Stored records:
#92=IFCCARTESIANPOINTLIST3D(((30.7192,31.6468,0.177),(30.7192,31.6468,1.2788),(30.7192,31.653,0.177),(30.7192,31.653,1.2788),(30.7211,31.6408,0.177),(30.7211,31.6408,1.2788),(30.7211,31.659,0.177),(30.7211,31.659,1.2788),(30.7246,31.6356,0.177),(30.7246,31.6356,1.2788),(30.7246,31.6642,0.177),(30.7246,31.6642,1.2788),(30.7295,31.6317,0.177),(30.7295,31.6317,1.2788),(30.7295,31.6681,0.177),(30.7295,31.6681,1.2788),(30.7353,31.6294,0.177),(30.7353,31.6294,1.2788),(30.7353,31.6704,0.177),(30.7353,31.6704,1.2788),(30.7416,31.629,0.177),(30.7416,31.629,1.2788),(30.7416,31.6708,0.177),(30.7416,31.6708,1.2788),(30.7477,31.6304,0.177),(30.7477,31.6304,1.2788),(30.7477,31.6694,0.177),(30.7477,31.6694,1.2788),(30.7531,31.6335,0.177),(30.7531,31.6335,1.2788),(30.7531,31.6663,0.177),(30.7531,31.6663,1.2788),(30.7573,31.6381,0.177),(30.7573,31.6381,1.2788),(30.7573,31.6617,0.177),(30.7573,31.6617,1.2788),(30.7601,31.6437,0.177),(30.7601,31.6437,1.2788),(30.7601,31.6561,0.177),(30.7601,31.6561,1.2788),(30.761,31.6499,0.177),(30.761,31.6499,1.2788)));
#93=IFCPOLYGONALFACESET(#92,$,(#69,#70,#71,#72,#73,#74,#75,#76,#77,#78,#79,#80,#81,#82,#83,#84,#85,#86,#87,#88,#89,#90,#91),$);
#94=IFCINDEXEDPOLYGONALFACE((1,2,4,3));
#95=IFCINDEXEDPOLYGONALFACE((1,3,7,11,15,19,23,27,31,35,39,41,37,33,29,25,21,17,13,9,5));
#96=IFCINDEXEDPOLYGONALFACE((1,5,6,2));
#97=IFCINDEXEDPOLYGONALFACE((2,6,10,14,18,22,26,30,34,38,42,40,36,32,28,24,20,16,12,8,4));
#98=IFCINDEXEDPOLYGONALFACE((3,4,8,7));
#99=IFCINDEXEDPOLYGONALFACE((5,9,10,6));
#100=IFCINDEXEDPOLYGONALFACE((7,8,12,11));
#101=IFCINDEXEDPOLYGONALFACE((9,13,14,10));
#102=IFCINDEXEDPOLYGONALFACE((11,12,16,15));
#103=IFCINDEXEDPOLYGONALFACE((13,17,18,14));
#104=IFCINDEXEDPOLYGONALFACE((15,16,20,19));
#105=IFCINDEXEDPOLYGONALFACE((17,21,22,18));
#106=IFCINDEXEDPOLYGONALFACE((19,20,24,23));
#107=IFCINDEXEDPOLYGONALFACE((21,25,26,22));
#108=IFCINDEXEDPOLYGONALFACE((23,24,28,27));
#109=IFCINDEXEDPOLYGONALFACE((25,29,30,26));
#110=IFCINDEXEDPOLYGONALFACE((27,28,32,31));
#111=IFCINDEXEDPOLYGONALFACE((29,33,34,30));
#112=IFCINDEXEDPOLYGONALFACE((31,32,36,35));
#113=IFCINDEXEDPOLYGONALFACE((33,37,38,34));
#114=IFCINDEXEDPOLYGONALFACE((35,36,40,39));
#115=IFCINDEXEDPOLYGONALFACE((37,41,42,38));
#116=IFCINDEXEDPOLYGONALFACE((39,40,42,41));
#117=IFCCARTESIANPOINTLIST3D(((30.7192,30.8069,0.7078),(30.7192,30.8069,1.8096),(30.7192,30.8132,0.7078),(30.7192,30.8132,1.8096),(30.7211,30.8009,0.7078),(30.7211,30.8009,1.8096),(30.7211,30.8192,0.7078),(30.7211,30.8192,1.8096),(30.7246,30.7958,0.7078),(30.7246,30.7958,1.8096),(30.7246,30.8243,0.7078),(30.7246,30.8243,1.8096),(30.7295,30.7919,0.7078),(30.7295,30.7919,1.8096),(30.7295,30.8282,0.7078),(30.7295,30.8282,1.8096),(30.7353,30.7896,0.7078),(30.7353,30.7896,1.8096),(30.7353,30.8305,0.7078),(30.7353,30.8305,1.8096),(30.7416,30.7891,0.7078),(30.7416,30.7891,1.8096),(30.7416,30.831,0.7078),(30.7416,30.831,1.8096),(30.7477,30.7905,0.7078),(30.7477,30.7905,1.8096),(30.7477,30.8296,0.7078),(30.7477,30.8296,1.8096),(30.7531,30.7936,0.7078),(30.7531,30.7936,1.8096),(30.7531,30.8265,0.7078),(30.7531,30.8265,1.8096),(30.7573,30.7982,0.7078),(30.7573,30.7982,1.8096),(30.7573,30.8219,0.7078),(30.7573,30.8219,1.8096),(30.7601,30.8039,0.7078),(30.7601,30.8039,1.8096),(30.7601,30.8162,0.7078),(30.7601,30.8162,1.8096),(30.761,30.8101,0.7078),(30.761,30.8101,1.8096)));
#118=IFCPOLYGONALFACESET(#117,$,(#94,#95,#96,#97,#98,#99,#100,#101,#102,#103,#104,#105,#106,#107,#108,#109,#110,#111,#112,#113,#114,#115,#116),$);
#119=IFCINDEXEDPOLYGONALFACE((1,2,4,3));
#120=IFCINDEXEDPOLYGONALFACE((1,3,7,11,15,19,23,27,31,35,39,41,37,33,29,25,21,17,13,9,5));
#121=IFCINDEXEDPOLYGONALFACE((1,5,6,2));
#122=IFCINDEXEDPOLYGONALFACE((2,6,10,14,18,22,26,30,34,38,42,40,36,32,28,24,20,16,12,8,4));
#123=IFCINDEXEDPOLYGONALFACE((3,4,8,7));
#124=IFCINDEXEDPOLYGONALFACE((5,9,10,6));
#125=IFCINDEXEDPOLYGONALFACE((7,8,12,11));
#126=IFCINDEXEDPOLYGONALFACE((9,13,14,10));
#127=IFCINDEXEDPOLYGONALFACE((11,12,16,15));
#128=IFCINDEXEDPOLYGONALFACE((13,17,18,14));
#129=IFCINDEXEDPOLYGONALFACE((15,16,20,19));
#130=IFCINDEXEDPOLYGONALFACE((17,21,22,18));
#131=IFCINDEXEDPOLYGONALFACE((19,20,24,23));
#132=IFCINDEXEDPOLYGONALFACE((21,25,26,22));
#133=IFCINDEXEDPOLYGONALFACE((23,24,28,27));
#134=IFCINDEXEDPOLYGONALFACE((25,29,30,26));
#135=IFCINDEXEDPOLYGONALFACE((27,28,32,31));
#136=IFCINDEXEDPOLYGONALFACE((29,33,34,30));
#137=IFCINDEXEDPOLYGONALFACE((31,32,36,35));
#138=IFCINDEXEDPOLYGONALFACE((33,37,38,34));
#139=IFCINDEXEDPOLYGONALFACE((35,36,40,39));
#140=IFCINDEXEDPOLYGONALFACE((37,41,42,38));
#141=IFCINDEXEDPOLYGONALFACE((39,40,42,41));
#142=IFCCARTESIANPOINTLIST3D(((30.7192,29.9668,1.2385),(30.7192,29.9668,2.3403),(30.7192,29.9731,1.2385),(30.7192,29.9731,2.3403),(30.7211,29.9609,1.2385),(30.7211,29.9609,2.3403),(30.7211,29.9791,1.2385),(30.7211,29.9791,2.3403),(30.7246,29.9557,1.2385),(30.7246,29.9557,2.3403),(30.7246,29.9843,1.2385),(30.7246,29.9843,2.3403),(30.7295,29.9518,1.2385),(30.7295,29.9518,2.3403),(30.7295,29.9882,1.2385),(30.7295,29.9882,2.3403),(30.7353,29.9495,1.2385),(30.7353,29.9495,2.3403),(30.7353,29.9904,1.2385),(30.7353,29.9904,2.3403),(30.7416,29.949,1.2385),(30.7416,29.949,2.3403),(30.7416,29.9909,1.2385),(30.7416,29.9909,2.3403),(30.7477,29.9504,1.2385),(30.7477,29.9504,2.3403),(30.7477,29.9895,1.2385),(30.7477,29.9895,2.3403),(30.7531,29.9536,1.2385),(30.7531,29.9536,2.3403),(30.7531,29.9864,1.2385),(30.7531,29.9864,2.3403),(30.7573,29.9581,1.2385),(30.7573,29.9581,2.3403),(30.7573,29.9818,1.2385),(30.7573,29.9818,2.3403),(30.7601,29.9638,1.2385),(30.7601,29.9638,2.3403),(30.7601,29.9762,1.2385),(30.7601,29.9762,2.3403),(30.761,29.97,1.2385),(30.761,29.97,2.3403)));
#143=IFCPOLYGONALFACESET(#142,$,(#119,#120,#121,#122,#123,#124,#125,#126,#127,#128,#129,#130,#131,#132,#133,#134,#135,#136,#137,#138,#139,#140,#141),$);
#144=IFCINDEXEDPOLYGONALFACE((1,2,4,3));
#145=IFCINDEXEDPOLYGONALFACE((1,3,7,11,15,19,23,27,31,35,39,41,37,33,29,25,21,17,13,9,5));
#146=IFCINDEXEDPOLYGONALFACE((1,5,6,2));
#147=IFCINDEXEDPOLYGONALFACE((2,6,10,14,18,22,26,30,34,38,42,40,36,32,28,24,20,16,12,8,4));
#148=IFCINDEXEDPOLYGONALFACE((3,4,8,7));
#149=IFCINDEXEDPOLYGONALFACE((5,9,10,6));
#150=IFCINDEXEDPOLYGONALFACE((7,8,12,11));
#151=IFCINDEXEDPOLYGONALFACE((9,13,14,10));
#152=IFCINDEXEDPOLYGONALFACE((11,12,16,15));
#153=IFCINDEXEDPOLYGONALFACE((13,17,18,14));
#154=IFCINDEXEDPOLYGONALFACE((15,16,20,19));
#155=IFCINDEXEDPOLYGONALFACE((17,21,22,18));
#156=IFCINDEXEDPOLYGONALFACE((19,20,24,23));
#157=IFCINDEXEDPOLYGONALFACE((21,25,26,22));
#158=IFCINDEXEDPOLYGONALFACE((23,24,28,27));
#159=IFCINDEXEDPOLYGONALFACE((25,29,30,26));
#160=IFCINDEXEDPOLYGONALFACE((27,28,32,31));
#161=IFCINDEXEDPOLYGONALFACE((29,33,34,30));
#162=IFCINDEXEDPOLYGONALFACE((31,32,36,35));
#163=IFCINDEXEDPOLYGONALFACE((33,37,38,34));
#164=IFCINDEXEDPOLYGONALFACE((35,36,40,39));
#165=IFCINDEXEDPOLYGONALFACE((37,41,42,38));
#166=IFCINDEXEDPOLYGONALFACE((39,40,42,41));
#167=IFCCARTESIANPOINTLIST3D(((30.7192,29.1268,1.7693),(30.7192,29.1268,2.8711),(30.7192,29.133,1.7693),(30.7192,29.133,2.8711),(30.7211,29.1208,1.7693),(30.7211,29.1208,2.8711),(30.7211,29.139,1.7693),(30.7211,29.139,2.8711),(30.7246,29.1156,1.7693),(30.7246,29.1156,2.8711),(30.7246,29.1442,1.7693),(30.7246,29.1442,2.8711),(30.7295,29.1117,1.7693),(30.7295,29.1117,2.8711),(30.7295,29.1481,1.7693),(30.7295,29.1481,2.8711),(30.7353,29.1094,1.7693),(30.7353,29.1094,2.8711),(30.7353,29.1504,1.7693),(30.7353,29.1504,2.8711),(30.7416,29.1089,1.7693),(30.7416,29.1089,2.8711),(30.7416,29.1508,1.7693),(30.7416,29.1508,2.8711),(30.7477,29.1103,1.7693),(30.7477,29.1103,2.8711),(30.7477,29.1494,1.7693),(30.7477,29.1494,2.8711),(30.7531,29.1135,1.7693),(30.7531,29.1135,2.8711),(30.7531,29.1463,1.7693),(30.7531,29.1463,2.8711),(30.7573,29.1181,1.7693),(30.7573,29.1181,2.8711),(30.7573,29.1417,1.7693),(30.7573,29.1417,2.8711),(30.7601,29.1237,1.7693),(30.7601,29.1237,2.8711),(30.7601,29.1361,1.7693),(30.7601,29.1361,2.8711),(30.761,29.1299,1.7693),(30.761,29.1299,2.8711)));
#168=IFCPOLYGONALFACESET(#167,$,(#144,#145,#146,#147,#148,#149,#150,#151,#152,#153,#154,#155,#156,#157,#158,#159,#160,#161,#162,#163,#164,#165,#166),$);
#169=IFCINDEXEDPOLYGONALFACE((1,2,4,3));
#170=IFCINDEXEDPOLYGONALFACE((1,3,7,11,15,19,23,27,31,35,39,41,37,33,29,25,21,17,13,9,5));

ACTIVITY: I'd like the lines above from the one with "#126=IFCINDEXEDPOLYGONALFACE((9,13,14,10));" up to and including the one with "#133=IFCINDEXEDPOLYGONALFACE((23,24,28,27));" copied exactly, with no other lines.

RESPONSE FOR THIS EXERCISE:
#126=IFCINDEXEDPOLYGONALFACE((9,13,14,10));
#127=IFCINDEXEDPOLYGONALFACE((11,12,16,15));
#128=IFCINDEXEDPOLYGONALFACE((13,17,18,14));
#129=IFCINDEXEDPOLYGONALFACE((15,16,20,19));
#130=IFCINDEXEDPOLYGONALFACE((17,21,22,18));
#131=IFCINDEXEDPOLYGONALFACE((19,20,24,23));
#132=IFCINDEXEDPOLYGONALFACE((21,25,26,22));
#133=IFCINDEXEDPOLYGONALFACE((23,24,28,27));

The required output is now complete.